WHAT THE TASK ASKS
Nothing but the lines from the top of the following entries through the line with "#173=IFCINDEXEDPOLYGONALFACE((17,21,22,18));" should be printed, exactly as they are.

SUPPLIED RECORDS
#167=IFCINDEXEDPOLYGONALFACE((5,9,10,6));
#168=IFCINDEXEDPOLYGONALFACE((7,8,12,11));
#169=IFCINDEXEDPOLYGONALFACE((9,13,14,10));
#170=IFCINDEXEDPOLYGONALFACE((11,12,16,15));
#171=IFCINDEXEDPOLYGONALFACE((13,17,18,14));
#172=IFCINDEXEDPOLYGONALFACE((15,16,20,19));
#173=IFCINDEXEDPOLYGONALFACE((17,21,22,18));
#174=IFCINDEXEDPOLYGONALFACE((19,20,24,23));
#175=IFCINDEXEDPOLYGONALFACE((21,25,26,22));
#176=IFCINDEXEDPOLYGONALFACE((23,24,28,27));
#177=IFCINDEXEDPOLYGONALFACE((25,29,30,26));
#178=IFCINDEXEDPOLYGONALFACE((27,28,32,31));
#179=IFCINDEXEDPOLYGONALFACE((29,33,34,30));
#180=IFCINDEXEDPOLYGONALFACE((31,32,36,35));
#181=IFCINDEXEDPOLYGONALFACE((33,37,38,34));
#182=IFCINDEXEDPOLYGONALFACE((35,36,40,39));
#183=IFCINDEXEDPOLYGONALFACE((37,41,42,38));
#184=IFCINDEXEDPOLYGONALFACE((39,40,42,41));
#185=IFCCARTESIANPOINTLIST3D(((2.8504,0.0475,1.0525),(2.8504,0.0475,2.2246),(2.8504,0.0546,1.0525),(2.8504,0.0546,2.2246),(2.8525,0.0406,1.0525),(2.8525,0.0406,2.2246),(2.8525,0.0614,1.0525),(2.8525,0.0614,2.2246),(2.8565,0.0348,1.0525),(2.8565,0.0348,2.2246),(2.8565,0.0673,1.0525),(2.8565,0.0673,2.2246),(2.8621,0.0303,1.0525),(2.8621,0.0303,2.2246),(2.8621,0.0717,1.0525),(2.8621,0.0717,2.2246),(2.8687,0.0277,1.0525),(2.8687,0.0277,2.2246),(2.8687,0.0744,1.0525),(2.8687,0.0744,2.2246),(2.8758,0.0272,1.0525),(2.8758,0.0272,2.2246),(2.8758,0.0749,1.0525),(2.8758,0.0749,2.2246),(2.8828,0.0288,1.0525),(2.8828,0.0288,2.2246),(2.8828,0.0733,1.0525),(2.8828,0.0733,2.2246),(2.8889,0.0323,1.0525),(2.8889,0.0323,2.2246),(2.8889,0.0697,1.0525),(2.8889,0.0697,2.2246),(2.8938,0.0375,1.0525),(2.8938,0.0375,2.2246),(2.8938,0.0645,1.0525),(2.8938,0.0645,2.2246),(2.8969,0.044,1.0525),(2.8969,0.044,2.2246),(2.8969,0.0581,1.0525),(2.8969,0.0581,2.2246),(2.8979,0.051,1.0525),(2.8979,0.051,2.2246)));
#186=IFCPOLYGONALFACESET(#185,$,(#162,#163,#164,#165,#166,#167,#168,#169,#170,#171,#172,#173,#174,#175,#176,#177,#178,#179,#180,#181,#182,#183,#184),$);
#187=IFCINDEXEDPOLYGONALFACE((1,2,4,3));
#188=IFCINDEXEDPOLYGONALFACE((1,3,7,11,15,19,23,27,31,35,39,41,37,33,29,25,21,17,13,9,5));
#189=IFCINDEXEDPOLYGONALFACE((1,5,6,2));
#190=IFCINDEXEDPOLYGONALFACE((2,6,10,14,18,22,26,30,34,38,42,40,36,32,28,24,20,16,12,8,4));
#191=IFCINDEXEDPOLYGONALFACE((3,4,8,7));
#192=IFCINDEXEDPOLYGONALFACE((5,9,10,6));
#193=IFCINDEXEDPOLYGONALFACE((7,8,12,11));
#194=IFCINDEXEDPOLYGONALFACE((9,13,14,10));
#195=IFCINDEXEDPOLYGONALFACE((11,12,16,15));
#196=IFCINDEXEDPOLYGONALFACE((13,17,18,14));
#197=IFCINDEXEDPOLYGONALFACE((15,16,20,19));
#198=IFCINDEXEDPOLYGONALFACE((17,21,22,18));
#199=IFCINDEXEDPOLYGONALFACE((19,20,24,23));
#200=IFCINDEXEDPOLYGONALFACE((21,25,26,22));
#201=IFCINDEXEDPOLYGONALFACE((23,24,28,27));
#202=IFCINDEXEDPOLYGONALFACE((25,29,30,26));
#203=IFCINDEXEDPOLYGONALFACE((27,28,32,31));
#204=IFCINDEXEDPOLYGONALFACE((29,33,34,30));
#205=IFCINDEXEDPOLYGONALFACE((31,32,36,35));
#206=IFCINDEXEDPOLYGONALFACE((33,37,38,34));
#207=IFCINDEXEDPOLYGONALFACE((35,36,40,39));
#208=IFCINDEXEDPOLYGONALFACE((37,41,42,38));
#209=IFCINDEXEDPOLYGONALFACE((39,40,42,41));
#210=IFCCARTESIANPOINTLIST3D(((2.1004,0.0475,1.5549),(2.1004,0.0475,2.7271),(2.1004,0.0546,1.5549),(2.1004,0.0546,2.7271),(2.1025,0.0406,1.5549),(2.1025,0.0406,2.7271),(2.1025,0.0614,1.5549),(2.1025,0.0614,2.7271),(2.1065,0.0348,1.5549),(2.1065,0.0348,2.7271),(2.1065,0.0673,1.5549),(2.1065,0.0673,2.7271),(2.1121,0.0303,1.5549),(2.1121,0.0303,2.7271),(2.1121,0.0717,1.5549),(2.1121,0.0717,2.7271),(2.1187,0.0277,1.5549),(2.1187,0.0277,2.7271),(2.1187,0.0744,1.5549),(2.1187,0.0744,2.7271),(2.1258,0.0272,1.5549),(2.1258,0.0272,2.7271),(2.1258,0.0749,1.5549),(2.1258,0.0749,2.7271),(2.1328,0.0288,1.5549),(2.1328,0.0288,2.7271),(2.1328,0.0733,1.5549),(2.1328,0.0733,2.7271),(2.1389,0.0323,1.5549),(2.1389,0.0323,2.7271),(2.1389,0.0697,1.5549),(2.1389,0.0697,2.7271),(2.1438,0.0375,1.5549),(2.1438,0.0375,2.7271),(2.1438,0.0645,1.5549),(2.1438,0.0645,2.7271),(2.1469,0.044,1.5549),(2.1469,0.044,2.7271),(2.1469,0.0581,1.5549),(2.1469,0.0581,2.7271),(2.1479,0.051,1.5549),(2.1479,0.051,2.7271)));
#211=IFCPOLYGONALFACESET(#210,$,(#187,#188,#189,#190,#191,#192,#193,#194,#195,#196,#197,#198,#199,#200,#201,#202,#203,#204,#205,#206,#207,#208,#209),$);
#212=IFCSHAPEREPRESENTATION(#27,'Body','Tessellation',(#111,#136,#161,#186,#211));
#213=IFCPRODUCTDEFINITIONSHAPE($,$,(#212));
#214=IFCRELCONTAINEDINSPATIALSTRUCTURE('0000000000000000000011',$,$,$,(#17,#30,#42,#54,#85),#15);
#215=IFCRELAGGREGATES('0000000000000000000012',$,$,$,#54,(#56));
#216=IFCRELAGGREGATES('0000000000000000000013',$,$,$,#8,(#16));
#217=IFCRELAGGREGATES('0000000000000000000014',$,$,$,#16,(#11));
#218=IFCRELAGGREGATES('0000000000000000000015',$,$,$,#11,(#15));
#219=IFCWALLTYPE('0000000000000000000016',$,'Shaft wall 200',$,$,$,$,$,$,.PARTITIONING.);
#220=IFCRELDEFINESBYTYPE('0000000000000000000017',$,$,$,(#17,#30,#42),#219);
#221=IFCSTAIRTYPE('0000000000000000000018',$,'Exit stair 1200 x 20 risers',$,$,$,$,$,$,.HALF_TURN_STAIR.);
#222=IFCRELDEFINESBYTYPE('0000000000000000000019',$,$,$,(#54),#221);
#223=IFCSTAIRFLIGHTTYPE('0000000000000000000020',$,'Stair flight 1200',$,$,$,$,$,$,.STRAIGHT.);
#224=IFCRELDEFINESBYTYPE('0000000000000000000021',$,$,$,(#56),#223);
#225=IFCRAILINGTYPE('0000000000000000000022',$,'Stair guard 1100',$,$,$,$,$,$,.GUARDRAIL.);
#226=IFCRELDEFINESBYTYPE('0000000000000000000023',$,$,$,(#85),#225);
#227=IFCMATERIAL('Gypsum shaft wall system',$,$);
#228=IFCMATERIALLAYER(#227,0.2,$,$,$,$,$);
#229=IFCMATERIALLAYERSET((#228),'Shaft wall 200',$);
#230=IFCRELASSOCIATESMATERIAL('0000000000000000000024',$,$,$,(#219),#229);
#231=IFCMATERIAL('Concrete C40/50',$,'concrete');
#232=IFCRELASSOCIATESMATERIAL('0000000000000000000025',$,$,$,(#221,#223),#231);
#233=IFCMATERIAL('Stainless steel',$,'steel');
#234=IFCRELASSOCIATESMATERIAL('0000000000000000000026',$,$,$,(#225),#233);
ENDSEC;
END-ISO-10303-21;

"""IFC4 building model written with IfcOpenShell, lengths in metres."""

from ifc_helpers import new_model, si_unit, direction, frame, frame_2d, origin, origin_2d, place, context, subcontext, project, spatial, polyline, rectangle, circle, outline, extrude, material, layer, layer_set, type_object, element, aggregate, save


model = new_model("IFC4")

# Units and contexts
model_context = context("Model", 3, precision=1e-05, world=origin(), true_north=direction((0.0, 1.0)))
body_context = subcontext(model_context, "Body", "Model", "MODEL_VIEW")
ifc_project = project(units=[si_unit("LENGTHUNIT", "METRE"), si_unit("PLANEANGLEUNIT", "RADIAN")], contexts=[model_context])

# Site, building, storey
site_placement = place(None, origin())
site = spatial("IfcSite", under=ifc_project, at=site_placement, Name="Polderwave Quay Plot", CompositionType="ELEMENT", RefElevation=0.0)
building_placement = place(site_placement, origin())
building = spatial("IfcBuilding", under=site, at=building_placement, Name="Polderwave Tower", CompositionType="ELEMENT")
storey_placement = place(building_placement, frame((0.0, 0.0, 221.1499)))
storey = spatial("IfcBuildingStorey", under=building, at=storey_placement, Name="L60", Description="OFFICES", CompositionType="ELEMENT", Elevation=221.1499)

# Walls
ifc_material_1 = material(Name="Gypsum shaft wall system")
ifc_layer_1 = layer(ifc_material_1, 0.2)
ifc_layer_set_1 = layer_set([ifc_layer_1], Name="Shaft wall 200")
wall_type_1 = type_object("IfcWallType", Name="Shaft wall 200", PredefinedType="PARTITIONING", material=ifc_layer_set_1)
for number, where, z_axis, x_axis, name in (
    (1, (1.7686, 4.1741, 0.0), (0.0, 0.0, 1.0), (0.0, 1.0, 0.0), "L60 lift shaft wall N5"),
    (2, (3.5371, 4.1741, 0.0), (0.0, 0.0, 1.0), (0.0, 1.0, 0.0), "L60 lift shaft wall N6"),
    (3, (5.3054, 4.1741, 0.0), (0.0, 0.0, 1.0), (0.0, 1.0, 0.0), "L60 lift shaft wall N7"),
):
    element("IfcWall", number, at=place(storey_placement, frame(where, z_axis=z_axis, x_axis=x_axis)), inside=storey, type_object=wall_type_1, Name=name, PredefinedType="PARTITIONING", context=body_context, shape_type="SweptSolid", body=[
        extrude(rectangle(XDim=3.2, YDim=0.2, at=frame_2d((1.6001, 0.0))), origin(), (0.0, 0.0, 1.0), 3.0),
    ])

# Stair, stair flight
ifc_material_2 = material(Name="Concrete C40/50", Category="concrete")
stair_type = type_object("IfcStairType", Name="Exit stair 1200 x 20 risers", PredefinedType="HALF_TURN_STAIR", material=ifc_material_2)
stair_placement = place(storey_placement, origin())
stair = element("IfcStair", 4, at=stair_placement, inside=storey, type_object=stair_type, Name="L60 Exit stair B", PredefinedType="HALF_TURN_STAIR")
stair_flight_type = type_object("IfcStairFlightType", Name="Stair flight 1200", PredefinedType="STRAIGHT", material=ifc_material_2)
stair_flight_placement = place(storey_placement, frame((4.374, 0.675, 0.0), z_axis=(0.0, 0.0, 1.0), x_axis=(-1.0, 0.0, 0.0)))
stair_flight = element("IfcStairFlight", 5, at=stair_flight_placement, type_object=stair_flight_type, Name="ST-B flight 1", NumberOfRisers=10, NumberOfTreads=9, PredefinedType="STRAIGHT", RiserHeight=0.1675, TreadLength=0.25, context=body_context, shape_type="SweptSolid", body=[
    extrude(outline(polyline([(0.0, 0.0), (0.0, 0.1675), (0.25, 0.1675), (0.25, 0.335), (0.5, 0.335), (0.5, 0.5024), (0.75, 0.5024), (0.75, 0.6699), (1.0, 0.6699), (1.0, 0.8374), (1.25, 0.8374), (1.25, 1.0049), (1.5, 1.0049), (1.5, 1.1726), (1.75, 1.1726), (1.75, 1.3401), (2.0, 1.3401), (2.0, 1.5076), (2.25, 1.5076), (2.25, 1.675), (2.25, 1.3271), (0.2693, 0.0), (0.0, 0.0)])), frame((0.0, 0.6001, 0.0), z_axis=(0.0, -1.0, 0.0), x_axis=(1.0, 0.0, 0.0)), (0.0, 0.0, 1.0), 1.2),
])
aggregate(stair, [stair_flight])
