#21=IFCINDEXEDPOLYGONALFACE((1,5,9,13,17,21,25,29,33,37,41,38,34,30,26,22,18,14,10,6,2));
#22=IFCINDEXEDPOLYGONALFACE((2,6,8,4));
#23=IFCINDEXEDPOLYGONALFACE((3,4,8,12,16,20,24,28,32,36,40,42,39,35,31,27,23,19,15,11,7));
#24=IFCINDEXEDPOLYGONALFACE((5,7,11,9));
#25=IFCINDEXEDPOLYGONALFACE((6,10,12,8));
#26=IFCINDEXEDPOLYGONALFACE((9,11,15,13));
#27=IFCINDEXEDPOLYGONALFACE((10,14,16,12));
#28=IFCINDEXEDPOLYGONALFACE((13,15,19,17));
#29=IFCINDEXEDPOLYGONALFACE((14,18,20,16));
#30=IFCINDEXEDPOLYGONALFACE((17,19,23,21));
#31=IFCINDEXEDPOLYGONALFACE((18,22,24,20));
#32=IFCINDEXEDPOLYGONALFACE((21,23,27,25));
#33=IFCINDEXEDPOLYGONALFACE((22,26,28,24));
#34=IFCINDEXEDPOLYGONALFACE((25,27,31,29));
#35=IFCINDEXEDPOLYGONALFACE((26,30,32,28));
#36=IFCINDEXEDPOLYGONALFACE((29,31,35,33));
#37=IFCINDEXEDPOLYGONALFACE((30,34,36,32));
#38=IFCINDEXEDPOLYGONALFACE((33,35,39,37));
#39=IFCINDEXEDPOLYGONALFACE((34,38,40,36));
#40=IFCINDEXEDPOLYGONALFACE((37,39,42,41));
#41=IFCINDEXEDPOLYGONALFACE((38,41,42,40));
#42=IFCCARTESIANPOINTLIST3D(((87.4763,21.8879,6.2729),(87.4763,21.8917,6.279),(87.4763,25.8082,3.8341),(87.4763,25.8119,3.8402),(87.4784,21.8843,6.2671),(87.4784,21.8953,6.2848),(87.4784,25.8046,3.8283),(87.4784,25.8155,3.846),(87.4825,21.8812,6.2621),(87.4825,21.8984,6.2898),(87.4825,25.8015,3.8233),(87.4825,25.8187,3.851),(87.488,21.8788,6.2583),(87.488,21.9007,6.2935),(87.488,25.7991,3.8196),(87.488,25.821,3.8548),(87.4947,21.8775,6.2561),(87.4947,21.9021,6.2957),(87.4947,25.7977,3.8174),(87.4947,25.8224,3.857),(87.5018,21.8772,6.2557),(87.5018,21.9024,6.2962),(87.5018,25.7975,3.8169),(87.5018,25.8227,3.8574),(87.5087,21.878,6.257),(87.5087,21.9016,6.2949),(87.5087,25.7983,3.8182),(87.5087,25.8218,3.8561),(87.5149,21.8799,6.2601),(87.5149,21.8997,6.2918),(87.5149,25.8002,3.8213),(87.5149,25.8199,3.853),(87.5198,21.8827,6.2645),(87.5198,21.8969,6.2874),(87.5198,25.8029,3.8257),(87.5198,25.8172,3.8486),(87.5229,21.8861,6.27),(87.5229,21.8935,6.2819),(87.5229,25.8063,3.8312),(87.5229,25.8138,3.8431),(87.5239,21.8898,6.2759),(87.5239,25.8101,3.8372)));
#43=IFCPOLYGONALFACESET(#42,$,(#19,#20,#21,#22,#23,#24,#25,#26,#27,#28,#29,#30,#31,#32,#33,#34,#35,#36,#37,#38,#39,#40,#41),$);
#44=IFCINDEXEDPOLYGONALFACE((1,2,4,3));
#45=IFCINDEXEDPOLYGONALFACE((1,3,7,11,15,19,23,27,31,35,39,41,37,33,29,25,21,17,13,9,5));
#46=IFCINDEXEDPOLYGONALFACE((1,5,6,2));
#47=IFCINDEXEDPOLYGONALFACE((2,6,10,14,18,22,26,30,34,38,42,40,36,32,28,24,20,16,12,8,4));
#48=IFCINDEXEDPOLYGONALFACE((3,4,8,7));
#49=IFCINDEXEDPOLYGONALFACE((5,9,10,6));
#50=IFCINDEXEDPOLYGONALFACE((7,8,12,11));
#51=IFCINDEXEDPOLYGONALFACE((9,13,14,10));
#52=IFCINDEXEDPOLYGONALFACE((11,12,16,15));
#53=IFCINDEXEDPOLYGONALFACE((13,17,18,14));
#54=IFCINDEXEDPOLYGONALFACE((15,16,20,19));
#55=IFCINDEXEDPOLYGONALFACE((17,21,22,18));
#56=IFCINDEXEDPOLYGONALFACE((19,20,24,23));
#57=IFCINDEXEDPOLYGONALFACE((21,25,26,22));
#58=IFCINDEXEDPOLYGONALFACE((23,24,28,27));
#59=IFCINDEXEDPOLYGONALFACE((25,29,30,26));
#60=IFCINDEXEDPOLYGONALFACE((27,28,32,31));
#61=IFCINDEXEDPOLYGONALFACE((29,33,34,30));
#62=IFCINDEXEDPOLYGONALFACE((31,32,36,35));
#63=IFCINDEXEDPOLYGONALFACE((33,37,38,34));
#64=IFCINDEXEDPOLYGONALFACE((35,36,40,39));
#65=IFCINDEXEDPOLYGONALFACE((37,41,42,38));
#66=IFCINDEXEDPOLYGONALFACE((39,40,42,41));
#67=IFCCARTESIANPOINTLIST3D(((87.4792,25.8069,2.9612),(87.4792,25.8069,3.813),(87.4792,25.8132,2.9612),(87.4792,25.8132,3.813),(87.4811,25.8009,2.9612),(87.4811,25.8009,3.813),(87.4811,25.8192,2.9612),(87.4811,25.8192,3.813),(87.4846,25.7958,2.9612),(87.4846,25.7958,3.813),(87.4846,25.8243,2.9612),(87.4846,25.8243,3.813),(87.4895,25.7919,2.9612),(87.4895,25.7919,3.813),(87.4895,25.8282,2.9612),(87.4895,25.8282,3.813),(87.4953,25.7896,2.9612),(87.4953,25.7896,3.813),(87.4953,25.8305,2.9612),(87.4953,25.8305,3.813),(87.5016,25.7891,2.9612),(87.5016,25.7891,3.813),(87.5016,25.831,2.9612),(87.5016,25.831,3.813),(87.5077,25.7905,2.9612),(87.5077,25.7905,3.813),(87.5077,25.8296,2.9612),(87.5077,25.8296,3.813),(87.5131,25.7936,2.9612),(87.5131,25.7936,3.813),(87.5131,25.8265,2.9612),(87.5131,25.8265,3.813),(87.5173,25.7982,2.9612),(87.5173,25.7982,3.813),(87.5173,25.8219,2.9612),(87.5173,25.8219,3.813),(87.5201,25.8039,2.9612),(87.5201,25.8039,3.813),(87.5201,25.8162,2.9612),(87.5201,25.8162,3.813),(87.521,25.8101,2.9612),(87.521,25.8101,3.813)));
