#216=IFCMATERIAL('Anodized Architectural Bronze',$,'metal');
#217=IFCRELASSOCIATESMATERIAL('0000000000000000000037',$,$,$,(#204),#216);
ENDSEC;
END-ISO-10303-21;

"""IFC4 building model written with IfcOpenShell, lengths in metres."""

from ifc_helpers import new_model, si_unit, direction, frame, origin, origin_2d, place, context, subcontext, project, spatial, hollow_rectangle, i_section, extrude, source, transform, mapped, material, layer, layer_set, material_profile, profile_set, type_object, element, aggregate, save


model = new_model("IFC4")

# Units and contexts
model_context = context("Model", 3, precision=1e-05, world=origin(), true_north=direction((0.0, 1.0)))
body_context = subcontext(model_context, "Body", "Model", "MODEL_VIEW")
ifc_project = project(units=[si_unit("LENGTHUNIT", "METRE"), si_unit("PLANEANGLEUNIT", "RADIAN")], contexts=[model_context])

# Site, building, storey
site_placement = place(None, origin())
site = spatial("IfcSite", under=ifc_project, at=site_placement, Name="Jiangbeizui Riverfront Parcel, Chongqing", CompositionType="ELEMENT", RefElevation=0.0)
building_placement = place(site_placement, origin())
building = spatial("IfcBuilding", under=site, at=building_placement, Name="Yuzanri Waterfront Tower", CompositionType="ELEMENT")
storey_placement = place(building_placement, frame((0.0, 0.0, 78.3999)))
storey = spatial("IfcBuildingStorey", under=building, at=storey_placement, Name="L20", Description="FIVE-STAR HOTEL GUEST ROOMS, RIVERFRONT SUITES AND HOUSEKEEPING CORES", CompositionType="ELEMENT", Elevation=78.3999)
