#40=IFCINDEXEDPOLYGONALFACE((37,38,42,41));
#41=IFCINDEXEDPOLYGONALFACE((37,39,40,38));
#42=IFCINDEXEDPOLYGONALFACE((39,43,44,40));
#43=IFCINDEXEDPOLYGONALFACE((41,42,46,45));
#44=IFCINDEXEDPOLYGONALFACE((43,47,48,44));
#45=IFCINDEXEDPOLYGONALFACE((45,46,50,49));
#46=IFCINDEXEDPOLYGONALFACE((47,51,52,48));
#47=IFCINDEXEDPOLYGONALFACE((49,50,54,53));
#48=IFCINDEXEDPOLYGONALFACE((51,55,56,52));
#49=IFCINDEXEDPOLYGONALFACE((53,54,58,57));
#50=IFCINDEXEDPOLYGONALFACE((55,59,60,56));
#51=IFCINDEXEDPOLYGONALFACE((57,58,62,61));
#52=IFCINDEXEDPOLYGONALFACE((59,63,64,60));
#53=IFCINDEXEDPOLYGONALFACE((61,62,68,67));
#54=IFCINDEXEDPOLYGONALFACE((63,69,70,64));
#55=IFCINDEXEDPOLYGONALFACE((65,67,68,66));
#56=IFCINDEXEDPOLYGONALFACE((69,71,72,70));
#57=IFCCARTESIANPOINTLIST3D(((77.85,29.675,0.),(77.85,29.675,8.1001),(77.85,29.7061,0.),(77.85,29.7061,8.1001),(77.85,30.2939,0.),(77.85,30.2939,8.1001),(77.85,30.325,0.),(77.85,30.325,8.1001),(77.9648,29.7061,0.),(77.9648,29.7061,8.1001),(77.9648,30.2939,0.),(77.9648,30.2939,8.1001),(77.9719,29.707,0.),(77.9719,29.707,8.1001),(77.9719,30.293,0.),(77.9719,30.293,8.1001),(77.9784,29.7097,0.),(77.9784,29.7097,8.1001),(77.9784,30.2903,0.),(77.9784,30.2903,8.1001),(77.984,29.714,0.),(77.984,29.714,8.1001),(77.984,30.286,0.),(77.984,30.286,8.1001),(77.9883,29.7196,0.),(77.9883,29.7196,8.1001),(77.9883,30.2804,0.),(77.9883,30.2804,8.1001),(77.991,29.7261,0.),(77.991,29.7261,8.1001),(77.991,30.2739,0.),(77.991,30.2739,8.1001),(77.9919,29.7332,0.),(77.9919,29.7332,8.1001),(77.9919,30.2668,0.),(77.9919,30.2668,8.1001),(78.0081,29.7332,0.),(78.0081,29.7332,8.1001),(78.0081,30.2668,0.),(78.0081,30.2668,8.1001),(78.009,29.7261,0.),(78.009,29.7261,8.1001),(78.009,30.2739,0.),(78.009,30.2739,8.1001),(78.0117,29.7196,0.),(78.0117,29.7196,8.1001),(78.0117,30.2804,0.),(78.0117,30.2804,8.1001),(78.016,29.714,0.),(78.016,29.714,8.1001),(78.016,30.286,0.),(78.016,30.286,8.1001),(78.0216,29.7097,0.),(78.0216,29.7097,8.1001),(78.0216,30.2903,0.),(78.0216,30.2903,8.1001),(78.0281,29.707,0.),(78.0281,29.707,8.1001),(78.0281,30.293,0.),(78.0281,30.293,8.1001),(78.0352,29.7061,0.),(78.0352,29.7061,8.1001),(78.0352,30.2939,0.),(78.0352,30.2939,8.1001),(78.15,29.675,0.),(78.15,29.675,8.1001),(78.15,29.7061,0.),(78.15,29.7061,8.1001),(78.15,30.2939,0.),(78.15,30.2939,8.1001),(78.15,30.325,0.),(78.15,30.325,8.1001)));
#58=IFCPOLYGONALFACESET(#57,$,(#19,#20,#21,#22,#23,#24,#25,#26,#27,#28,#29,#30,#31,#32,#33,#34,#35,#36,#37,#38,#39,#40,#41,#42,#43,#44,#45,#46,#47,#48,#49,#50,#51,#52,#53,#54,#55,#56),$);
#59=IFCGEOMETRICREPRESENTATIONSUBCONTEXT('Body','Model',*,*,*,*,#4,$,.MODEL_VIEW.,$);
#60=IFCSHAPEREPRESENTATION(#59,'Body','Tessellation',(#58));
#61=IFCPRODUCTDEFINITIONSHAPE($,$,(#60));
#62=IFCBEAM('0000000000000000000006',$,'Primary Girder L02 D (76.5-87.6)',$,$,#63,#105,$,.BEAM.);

RESULT
#167=IFCINDEXEDPOLYGONALFACE((5,9,10,6));
#168=IFCINDEXEDPOLYGONALFACE((7,8,12,11));
#169=IFCINDEXEDPOLYGONALFACE((9,13,14,10));
#170=IFCINDEXEDPOLYGONALFACE((11,12,16,15));
#171=IFCINDEXEDPOLYGONALFACE((13,17,18,14));
#172=IFCINDEXEDPOLYGONALFACE((15,16,20,19));
#173=IFCINDEXEDPOLYGONALFACE((17,21,22,18));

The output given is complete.